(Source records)

==================================================

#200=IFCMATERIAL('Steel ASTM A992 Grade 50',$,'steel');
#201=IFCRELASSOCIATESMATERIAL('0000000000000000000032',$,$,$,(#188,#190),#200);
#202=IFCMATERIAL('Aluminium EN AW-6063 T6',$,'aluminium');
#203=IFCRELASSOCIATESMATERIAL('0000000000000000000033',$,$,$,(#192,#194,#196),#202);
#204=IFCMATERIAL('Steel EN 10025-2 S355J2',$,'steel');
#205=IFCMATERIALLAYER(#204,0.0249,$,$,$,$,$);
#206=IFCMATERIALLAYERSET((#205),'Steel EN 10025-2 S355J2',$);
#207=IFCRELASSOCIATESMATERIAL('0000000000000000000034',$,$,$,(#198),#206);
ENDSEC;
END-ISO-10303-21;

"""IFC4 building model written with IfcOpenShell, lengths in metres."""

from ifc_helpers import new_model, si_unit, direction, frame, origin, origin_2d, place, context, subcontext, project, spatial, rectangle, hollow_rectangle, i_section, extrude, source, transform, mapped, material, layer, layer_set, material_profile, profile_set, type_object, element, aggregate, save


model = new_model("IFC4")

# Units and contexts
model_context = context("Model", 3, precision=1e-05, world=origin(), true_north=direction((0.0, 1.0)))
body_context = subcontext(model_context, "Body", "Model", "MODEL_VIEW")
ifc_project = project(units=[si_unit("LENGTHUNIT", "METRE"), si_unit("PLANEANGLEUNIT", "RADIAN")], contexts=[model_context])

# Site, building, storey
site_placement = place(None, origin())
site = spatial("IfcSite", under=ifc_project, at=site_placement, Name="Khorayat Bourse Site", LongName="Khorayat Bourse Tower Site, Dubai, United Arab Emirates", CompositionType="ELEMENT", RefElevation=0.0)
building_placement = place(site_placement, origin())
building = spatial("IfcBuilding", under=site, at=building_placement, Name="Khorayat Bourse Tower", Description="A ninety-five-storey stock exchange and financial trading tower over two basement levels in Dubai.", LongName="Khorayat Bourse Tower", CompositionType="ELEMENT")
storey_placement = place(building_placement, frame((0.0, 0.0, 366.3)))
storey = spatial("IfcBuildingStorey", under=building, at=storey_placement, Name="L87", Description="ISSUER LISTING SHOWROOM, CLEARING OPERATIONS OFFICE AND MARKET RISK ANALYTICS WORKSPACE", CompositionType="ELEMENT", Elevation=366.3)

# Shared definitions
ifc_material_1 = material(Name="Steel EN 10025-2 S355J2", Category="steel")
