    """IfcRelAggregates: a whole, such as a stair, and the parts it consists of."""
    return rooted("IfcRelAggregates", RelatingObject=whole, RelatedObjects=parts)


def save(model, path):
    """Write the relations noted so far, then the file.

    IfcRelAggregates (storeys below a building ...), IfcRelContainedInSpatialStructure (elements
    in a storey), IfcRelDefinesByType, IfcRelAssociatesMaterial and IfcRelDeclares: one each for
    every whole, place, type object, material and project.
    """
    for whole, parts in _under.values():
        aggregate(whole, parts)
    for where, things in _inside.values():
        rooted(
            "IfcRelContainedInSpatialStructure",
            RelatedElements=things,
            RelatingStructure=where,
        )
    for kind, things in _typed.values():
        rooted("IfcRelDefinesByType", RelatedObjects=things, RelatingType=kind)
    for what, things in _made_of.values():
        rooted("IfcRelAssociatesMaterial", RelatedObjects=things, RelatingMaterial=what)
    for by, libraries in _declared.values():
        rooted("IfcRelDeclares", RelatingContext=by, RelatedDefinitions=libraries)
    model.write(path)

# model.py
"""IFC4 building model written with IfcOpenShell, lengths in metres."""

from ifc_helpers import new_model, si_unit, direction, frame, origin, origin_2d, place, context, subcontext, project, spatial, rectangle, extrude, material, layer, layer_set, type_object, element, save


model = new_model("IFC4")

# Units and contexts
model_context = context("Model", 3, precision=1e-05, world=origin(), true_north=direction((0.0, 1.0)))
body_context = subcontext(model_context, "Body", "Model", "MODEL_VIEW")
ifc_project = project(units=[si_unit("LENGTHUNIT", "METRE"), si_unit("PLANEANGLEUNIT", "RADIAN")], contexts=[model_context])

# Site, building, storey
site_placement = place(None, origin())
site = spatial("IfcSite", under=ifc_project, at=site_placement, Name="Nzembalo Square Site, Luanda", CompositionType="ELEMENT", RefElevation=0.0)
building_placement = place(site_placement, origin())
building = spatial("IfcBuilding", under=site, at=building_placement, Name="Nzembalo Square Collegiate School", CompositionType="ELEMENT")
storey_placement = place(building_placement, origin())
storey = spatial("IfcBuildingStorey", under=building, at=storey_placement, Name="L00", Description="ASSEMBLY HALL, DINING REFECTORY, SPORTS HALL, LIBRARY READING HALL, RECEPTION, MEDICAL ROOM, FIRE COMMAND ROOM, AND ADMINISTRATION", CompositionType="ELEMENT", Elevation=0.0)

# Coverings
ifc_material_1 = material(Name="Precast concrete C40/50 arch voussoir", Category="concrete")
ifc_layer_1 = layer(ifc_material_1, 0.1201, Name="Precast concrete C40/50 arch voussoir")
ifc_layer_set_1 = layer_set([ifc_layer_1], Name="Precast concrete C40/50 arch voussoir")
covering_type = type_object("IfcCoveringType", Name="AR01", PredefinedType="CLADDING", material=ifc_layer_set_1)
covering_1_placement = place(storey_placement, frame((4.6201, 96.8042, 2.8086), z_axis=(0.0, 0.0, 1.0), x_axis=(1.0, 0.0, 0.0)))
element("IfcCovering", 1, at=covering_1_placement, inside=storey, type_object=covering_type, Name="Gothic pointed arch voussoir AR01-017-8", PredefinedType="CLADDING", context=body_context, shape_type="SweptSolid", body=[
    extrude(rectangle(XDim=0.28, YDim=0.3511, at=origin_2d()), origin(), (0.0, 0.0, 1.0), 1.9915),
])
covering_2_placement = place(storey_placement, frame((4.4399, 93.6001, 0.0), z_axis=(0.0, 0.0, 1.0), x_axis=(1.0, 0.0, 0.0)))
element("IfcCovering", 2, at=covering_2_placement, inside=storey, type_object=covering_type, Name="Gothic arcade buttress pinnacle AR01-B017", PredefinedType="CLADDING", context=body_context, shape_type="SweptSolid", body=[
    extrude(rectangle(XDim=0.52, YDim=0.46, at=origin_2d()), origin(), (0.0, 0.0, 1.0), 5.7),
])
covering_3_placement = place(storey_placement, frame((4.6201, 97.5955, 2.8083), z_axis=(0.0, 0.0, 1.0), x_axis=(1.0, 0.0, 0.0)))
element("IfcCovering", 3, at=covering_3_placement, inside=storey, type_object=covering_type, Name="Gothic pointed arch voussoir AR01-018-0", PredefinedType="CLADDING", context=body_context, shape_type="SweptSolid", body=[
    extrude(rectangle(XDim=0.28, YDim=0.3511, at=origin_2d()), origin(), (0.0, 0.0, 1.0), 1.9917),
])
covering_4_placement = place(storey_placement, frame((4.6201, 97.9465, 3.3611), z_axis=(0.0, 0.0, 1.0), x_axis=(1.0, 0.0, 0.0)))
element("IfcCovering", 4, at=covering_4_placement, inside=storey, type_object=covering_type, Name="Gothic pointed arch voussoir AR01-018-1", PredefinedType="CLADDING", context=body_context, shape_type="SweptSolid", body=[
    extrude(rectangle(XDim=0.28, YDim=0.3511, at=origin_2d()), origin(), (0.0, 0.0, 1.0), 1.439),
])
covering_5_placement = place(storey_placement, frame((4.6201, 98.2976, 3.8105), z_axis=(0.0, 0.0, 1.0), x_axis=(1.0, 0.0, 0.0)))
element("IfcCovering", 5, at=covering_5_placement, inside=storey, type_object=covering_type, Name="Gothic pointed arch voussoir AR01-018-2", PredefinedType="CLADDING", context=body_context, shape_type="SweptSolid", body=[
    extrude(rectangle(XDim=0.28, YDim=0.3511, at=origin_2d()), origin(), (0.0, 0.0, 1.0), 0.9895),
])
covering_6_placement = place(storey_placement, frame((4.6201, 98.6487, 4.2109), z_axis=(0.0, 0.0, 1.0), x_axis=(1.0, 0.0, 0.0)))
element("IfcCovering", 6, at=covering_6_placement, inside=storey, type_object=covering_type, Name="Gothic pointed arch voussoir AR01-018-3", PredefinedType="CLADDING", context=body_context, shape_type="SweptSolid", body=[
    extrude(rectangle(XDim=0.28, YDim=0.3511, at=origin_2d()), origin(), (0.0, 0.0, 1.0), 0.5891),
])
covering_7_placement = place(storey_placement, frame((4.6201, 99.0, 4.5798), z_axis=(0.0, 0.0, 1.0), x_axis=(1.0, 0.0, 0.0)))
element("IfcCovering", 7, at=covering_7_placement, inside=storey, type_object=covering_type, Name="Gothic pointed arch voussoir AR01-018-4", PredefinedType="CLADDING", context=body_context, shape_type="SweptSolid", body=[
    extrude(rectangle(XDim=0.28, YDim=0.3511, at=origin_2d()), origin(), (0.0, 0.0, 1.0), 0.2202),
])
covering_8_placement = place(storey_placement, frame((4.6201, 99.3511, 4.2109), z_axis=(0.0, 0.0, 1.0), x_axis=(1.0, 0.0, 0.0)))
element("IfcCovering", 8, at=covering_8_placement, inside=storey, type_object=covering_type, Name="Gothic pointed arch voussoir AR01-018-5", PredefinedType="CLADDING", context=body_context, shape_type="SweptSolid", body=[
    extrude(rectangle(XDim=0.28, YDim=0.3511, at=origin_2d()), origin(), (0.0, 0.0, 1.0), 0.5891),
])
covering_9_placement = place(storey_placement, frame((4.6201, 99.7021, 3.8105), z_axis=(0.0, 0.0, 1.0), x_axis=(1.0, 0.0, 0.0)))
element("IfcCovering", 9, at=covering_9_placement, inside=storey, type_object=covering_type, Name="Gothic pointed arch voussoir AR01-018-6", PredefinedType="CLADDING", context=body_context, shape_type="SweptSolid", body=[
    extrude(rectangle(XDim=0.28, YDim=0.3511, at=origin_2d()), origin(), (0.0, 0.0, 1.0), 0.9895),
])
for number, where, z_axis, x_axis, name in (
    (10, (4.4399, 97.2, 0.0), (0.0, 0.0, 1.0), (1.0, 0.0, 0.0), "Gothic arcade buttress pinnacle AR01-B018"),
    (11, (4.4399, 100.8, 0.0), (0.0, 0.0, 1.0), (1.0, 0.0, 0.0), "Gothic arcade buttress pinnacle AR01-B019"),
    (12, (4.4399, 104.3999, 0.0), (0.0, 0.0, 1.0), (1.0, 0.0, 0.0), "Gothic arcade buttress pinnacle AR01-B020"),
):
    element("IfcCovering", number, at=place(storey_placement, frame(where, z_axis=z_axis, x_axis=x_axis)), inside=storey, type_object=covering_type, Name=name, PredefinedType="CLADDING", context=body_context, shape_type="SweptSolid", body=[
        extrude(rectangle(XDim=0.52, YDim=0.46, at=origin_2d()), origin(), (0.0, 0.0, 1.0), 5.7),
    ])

==================================================

## TASK TO COMPLETE:
Each line from the beginning of the entries to the line with "END-ISO-10303-21;" must be repeated exactly, with both end lines kept and no other lines given.

## ANSWER TO THIS TASK:
#200=IFCMATERIAL('Steel ASTM A992 Grade 50',$,'steel');
#201=IFCRELASSOCIATESMATERIAL('0000000000000000000032',$,$,$,(#188,#190),#200);
#202=IFCMATERIAL('Aluminium EN AW-6063 T6',$,'aluminium');
#203=IFCRELASSOCIATESMATERIAL('0000000000000000000033',$,$,$,(#192,#194,#196),#202);
#204=IFCMATERIAL('Steel EN 10025-2 S355J2',$,'steel');
#205=IFCMATERIALLAYER(#204,0.0249,$,$,$,$,$);
#206=IFCMATERIALLAYERSET((#205),'Steel EN 10025-2 S355J2',$);
#207=IFCRELASSOCIATESMATERIAL('0000000000000000000034',$,$,$,(#198),#206);
ENDSEC;
END-ISO-10303-21;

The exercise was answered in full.